▶ Problem to solve
Take the line with "CAR PARKS, PLANT" and all lines after it, through the end of the records below, and repeat them exactly.

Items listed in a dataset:
---*---

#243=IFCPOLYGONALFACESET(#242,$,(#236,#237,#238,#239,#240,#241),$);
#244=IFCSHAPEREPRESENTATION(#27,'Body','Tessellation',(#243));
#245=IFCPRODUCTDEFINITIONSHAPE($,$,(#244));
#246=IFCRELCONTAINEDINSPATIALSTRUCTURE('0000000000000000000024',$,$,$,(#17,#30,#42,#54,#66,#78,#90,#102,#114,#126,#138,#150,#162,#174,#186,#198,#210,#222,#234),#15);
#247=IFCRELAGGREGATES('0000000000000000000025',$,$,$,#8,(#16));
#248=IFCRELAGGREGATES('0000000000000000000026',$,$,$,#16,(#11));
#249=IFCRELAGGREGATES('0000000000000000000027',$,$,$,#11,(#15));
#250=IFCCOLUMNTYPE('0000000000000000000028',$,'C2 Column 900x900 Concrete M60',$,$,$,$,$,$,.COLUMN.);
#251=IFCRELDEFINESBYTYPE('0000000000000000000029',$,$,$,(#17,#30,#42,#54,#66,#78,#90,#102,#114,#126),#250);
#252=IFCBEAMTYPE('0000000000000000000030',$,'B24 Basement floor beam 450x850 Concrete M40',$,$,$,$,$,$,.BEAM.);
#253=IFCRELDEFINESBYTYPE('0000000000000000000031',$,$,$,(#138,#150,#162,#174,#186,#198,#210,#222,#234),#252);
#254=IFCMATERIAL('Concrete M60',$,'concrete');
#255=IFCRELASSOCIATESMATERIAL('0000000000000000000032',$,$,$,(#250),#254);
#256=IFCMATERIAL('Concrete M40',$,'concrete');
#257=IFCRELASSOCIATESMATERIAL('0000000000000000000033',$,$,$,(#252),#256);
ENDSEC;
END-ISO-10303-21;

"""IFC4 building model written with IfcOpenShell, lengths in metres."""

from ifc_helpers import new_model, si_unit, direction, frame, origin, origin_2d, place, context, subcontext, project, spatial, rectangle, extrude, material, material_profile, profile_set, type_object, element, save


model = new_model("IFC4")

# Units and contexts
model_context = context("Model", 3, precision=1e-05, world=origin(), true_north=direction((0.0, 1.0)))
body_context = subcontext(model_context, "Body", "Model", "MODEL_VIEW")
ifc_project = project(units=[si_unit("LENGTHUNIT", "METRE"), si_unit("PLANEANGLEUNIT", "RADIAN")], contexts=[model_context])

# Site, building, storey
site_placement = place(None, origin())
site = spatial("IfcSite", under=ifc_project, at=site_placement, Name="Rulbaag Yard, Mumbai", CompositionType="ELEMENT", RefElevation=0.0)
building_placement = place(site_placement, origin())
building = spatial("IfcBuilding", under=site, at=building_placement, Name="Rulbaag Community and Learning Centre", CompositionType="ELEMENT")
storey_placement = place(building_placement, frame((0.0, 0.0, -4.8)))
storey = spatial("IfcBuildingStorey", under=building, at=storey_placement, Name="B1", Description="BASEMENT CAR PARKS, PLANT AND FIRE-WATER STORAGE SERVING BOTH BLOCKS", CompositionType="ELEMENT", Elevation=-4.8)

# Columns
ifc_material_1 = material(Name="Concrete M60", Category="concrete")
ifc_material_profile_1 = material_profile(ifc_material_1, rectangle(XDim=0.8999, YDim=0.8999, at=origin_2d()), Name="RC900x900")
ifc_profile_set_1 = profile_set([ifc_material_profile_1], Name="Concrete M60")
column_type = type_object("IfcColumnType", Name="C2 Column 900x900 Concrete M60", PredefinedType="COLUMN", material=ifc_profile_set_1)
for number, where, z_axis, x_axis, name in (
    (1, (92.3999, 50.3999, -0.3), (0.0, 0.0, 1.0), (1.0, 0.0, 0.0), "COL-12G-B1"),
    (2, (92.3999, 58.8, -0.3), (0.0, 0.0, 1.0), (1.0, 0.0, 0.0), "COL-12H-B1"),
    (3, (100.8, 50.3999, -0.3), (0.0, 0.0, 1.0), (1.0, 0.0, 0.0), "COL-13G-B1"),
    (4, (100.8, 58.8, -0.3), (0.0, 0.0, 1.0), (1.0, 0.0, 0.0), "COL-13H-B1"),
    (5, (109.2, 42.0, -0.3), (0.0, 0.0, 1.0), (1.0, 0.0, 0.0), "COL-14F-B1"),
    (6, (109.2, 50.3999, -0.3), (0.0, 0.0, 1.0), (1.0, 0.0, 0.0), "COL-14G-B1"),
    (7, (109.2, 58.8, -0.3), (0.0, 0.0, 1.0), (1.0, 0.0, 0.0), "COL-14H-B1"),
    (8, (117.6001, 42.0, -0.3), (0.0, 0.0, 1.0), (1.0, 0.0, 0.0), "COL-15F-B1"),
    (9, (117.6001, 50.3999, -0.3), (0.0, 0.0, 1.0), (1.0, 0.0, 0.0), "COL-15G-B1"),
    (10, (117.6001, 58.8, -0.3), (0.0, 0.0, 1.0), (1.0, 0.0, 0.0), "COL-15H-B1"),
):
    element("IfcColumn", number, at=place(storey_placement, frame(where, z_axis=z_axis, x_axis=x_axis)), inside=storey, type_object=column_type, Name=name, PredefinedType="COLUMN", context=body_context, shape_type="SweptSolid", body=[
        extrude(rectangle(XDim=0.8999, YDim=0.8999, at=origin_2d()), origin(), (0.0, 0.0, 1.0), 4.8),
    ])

---*---

▶ Result of this task
storey = spatial("IfcBuildingStorey", under=building, at=storey_placement, Name="B1", Description="BASEMENT CAR PARKS, PLANT AND FIRE-WATER STORAGE SERVING BOTH BLOCKS", CompositionType="ELEMENT", Elevation=-4.8)

# Columns
ifc_material_1 = material(Name="Concrete M60", Category="concrete")
ifc_material_profile_1 = material_profile(ifc_material_1, rectangle(XDim=0.8999, YDim=0.8999, at=origin_2d()), Name="RC900x900")
ifc_profile_set_1 = profile_set([ifc_material_profile_1], Name="Concrete M60")
column_type = type_object("IfcColumnType", Name="C2 Column 900x900 Concrete M60", PredefinedType="COLUMN", material=ifc_profile_set_1)
for number, where, z_axis, x_axis, name in (
    (1, (92.3999, 50.3999, -0.3), (0.0, 0.0, 1.0), (1.0, 0.0, 0.0), "COL-12G-B1"),
    (2, (92.3999, 58.8, -0.3), (0.0, 0.0, 1.0), (1.0, 0.0, 0.0), "COL-12H-B1"),
    (3, (100.8, 50.3999, -0.3), (0.0, 0.0, 1.0), (1.0, 0.0, 0.0), "COL-13G-B1"),
    (4, (100.8, 58.8, -0.3), (0.0, 0.0, 1.0), (1.0, 0.0, 0.0), "COL-13H-B1"),
    (5, (109.2, 42.0, -0.3), (0.0, 0.0, 1.0), (1.0, 0.0, 0.0), "COL-14F-B1"),
    (6, (109.2, 50.3999, -0.3), (0.0, 0.0, 1.0), (1.0, 0.0, 0.0), "COL-14G-B1"),
    (7, (109.2, 58.8, -0.3), (0.0, 0.0, 1.0), (1.0, 0.0, 0.0), "COL-14H-B1"),
    (8, (117.6001, 42.0, -0.3), (0.0, 0.0, 1.0), (1.0, 0.0, 0.0), "COL-15F-B1"),
    (9, (117.6001, 50.3999, -0.3), (0.0, 0.0, 1.0), (1.0, 0.0, 0.0), "COL-15G-B1"),
    (10, (117.6001, 58.8, -0.3), (0.0, 0.0, 1.0), (1.0, 0.0, 0.0), "COL-15H-B1"),
):
    element("IfcColumn", number, at=place(storey_placement, frame(where, z_axis=z_axis, x_axis=x_axis)), inside=storey, type_object=column_type, Name=name, PredefinedType="COLUMN", context=body_context, shape_type="SweptSolid", body=[
        extrude(rectangle(XDim=0.8999, YDim=0.8999, at=origin_2d()), origin(), (0.0, 0.0, 1.0), 4.8),
    ])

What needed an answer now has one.